Starting at the top of the data and ending with the line that holds "#91=IFCINDEXEDPOLYGONALFACE((39,40,42,41));", transcribe each line exactly; include both ends.

INFORMATION SHOWN Block Start

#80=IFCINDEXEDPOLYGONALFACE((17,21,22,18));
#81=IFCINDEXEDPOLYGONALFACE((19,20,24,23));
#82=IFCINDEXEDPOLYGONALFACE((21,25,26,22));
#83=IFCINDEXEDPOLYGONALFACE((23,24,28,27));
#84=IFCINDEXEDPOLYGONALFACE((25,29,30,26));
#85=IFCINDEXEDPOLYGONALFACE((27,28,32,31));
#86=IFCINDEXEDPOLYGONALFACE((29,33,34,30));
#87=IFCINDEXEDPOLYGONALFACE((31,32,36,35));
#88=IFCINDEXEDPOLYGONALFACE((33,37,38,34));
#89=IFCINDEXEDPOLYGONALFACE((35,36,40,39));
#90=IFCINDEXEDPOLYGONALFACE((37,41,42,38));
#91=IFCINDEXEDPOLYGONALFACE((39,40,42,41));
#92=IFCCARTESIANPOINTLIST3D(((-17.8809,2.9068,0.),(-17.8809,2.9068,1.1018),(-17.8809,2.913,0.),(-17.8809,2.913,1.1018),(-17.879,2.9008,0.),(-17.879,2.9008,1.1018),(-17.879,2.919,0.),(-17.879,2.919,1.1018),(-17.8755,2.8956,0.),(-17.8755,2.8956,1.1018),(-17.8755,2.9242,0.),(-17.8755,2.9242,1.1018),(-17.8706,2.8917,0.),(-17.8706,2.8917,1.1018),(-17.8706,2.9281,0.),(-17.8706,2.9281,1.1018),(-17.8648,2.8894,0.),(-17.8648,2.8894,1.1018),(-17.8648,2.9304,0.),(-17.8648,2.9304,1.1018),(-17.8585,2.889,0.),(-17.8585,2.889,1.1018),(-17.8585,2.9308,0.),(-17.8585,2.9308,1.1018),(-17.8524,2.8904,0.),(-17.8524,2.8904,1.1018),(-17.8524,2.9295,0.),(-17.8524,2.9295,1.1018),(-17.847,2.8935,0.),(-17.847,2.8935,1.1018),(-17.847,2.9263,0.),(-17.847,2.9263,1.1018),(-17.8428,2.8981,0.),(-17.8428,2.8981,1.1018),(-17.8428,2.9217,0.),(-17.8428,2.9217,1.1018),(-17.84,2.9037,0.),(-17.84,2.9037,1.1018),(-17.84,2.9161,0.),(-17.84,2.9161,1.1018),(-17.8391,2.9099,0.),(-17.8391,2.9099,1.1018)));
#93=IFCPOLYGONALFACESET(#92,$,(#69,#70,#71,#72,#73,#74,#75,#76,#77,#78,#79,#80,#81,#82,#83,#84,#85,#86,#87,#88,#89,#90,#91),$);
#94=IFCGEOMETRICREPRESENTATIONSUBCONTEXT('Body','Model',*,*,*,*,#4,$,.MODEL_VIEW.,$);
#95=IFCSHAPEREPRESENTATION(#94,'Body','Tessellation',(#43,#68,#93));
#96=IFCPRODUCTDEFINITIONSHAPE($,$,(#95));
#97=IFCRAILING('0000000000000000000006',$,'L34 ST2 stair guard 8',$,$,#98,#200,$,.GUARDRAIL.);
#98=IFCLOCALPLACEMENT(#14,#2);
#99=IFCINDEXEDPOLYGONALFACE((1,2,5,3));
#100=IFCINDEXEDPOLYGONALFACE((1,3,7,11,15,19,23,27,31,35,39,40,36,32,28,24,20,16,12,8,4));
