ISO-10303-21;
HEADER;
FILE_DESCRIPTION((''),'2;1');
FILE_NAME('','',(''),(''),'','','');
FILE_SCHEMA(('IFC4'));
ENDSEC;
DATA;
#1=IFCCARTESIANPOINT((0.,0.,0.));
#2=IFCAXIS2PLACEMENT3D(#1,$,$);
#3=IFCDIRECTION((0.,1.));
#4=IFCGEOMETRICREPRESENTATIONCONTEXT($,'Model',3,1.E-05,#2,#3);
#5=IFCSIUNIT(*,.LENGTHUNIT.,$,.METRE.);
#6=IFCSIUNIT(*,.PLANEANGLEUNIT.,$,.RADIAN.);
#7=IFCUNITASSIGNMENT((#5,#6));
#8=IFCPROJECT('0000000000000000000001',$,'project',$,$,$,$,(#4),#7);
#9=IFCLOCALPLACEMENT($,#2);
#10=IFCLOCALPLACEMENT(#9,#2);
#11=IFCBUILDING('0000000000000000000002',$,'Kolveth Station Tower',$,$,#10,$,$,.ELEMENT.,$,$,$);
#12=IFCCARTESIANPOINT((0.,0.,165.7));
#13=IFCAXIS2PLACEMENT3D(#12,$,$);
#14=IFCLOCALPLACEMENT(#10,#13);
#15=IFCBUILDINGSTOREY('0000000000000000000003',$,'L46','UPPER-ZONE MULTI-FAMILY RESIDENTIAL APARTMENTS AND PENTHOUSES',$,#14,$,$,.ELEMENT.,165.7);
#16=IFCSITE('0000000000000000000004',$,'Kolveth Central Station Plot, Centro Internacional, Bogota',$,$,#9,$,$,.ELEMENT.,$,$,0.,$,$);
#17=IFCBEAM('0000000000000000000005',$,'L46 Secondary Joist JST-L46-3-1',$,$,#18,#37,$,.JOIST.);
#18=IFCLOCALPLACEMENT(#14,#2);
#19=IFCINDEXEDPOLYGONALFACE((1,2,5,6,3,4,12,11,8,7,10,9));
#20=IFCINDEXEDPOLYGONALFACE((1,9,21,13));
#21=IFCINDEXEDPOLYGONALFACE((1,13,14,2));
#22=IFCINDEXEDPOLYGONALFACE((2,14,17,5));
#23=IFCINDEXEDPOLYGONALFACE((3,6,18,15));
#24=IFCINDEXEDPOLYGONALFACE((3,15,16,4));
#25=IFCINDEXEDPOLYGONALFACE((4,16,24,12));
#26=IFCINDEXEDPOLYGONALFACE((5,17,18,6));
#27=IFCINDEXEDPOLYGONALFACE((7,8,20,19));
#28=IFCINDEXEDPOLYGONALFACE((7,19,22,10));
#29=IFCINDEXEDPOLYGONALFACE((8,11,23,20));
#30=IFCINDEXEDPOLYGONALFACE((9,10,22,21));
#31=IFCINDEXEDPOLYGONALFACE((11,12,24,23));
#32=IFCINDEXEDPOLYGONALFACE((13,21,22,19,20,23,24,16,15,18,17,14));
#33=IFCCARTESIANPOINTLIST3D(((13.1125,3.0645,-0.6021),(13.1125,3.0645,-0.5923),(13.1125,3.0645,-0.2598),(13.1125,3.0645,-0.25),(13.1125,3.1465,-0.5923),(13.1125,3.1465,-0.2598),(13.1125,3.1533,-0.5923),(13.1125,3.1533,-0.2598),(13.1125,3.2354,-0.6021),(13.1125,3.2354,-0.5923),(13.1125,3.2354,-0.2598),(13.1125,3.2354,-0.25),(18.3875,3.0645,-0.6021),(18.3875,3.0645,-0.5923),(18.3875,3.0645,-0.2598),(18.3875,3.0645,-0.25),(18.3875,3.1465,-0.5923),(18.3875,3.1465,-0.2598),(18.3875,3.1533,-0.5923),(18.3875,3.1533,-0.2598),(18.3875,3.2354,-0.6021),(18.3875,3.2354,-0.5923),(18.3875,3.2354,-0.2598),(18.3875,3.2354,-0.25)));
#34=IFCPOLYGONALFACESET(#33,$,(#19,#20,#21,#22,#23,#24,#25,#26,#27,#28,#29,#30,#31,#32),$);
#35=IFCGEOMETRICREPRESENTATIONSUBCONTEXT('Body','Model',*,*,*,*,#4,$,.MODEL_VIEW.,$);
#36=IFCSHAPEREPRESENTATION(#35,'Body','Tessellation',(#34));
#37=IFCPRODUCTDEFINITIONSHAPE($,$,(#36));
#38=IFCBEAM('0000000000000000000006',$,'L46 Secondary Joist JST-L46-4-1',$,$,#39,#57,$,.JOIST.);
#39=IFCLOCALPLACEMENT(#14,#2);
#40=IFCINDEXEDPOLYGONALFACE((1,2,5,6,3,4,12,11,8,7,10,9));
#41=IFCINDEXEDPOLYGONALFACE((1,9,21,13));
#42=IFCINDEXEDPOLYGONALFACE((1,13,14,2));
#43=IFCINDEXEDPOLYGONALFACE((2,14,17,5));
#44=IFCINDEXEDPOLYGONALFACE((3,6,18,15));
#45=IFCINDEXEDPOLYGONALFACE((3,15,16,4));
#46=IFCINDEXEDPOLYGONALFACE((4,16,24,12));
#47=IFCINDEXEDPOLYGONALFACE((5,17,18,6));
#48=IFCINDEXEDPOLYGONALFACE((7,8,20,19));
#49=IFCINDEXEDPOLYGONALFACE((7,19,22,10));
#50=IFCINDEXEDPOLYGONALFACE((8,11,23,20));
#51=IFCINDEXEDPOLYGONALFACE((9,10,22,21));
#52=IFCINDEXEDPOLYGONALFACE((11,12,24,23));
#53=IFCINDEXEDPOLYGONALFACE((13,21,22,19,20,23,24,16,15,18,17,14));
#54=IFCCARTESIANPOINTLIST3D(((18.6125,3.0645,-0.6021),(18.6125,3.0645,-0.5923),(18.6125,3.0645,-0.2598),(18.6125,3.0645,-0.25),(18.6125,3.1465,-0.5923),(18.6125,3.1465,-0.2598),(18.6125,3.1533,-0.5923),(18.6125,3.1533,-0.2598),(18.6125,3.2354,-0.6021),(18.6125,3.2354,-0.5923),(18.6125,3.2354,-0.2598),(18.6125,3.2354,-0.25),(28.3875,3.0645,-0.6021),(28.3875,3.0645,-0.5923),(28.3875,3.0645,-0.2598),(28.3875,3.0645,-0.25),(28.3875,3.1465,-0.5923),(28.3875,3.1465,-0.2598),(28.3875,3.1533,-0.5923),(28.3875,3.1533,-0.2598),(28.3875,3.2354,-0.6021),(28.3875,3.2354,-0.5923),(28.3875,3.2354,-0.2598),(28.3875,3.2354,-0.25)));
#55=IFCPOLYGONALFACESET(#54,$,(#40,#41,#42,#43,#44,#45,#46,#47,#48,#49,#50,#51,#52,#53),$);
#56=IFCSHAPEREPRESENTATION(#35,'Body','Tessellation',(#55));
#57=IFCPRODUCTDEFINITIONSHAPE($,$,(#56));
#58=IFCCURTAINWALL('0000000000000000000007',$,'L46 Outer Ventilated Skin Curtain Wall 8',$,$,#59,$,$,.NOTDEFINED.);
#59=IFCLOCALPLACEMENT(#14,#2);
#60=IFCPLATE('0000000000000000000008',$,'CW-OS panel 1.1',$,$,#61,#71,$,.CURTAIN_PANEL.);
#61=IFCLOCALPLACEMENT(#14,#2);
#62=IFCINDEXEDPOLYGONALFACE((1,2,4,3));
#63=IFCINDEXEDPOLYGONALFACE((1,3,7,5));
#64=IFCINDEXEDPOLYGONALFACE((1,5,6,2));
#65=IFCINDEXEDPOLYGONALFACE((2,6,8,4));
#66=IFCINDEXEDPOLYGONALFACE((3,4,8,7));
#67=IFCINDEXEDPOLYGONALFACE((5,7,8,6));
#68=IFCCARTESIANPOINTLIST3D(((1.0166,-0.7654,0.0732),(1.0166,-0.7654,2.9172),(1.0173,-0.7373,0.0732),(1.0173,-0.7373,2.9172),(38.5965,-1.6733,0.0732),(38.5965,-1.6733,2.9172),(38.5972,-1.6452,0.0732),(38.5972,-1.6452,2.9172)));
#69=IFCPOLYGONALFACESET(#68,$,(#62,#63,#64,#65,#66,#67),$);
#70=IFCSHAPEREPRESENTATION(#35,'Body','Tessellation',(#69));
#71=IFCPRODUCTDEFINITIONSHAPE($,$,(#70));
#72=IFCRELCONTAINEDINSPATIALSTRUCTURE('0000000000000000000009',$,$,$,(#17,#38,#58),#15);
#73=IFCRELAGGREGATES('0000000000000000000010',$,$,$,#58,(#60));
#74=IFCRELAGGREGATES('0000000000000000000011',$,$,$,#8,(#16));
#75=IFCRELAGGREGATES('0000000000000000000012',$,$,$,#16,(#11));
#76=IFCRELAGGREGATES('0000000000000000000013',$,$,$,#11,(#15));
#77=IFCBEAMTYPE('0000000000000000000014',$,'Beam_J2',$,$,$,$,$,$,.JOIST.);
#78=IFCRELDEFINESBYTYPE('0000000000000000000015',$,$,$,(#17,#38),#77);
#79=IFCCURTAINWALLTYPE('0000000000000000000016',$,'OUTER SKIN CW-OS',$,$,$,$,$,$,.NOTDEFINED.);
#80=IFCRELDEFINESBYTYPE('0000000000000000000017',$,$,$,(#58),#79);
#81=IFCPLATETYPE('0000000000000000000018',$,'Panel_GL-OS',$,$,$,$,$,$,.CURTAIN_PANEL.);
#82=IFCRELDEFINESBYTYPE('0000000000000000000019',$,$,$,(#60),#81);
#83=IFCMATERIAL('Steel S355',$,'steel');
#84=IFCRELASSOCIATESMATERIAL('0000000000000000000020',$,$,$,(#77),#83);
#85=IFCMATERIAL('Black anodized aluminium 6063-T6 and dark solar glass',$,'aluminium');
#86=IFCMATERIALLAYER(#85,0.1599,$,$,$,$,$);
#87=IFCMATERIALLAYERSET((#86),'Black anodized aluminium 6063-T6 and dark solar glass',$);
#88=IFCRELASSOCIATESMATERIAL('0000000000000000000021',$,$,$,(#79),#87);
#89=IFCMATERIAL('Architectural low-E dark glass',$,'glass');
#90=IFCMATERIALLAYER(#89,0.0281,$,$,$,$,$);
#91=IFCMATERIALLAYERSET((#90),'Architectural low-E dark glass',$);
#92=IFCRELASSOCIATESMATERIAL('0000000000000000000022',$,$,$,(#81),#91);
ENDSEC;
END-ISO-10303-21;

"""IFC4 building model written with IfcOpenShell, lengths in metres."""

from ifc_helpers import new_model, si_unit, direction, frame, origin, origin_2d, place, context, subcontext, project, spatial, rectangle, i_section, extrude, source, transform, mapped, material, layer, layer_set, material_profile, profile_set, type_object, element, aggregate, save


model = new_model("IFC4")

# Units and contexts
model_context = context("Model", 3, precision=1e-05, world=origin(), true_north=direction((0.0, 1.0)))
body_context = subcontext(model_context, "Body", "Model", "MODEL_VIEW")
ifc_project = project(units=[si_unit("LENGTHUNIT", "METRE"), si_unit("PLANEANGLEUNIT", "RADIAN")], contexts=[model_context])

# Site, building, storey
site_placement = place(None, origin())
site = spatial("IfcSite", under=ifc_project, at=site_placement, Name="Kolveth Central Station Plot, Centro Internacional, Bogota", CompositionType="ELEMENT", RefElevation=0.0)
building_placement = place(site_placement, origin())
building = spatial("IfcBuilding", under=site, at=building_placement, Name="Kolveth Station Tower", CompositionType="ELEMENT")
storey_placement = place(building_placement, frame((0.0, 0.0, 165.7)))
storey = spatial("IfcBuildingStorey", under=building, at=storey_placement, Name="L46", Description="UPPER-ZONE MULTI-FAMILY RESIDENTIAL APARTMENTS AND PENTHOUSES", CompositionType="ELEMENT", Elevation=165.7)

# Shared definitions
ifc_material_1 = material(Name="Steel S355", Category="steel")

# Beams
ifc_material_profile_1 = material_profile(ifc_material_1, i_section(OverallWidth=0.1709, OverallDepth=0.3521, WebThickness=0.0068, FlangeThickness=0.0098, at=origin_2d()), Name="W360x44")
ifc_profile_set_1 = profile_set([ifc_material_profile_1], Name="Steel S355")
beam_type_1 = type_object("IfcBeamType", Name="Beam_J2", PredefinedType="JOIST", material=ifc_profile_set_1)
shared_shape_1 = source(origin(), body_context, "Body", "SweptSolid", [
    extrude(i_section(OverallWidth=0.1709, OverallDepth=0.3521, WebThickness=0.0068, FlangeThickness=0.0098, at=origin_2d()), origin(), (0.0, 0.0, 1.0), 5.2749),
])
beam_1_placement = place(storey_placement, frame((13.1125, 3.1499, -0.426), z_axis=(1.0, 0.0, 0.0), x_axis=(0.0, 1.0, 0.0)))
element("IfcBeam", 1, at=beam_1_placement, inside=storey, type_object=beam_type_1, Name="L46 Secondary Joist JST-L46-3-1", PredefinedType="JOIST", context=body_context, shape_type="MappedRepresentation", body=[
    mapped(shared_shape_1, transform((0.0, 0.0, 0.0), x_axis=(1.0, 0.0, 0.0), y_axis=(0.0, 1.0, 0.0), z_axis=(0.0, 0.0, 1.0), scale=1.0)),
])
shared_shape_2 = source(origin(), body_context, "Body", "SweptSolid", [
    extrude(i_section(OverallWidth=0.1709, OverallDepth=0.3521, WebThickness=0.0068, FlangeThickness=0.0098, at=origin_2d()), origin(), (0.0, 0.0, 1.0), 9.7749),
])
beam_2_placement = place(storey_placement, frame((18.6125, 3.1499, -0.426), z_axis=(1.0, 0.0, 0.0), x_axis=(0.0, 1.0, 0.0)))
element("IfcBeam", 2, at=beam_2_placement, inside=storey, type_object=beam_type_1, Name="L46 Secondary Joist JST-L46-4-1", PredefinedType="JOIST", context=body_context, shape_type="MappedRepresentation", body=[
    mapped(shared_shape_2, transform((0.0, 0.0, 0.0), x_axis=(1.0, 0.0, 0.0), y_axis=(0.0, 1.0, 0.0), z_axis=(0.0, 0.0, 1.0), scale=1.0)),
])

# Curtain wall, plate
ifc_material_2 = material(Name="Black anodized aluminium 6063-T6 and dark solar glass", Category="aluminium")
ifc_layer_1 = layer(ifc_material_2, 0.1599)
ifc_layer_set_1 = layer_set([ifc_layer_1], Name="Black anodized aluminium 6063-T6 and dark solar glass")
curtain_wall_type = type_object("IfcCurtainWallType", Name="OUTER SKIN CW-OS", PredefinedType="NOTDEFINED", material=ifc_layer_set_1)
curtain_wall_placement = place(storey_placement, origin())
curtain_wall = element("IfcCurtainWall", 3, at=curtain_wall_placement, inside=storey, type_object=curtain_wall_type, Name="L46 Outer Ventilated Skin Curtain Wall 8", PredefinedType="NOTDEFINED")
ifc_material_3 = material(Name="Architectural low-E dark glass", Category="glass")
ifc_layer_2 = layer(ifc_material_3, 0.0281)
ifc_layer_set_2 = layer_set([ifc_layer_2], Name="Architectural low-E dark glass")
plate_type = type_object("IfcPlateType", Name="Panel_GL-OS", PredefinedType="CURTAIN_PANEL", material=ifc_layer_set_2)
shared_shape_3 = source(origin(), body_context, "Body", "SweptSolid", [
    extrude(rectangle(XDim=37.5908, YDim=0.0281, at=origin_2d()), origin(), (0.0, 0.0, 1.0), 2.844),
])
plate_placement = place(storey_placement, frame((19.8069, -1.2053, 0.0732), z_axis=(0.0, 0.0, 1.0), x_axis=(0.999708, -0.024152, 0.0)))
plate = element("IfcPlate", 4, at=plate_placement, type_object=plate_type, Name="CW-OS panel 1.1", PredefinedType="CURTAIN_PANEL", context=body_context, shape_type="MappedRepresentation", body=[
    mapped(shared_shape_3, transform((0.0, 0.0, 0.0), x_axis=(1.0, 0.0, 0.0), y_axis=(0.0, 1.0, 0.0), z_axis=(0.0, 0.0, 1.0), scale=1.0)),
])
aggregate(curtain_wall, [plate])

save(model, "model.ifc")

INFORMATION SHOWN Block End

_PROBLEM SOLUTION_.
#80=IFCINDEXEDPOLYGONALFACE((17,21,22,18));
#81=IFCINDEXEDPOLYGONALFACE((19,20,24,23));
#82=IFCINDEXEDPOLYGONALFACE((21,25,26,22));
#83=IFCINDEXEDPOLYGONALFACE((23,24,28,27));
#84=IFCINDEXEDPOLYGONALFACE((25,29,30,26));
#85=IFCINDEXEDPOLYGONALFACE((27,28,32,31));
#86=IFCINDEXEDPOLYGONALFACE((29,33,34,30));
#87=IFCINDEXEDPOLYGONALFACE((31,32,36,35));
#88=IFCINDEXEDPOLYGONALFACE((33,37,38,34));
#89=IFCINDEXEDPOLYGONALFACE((35,36,40,39));
#90=IFCINDEXEDPOLYGONALFACE((37,41,42,38));
#91=IFCINDEXEDPOLYGONALFACE((39,40,42,41));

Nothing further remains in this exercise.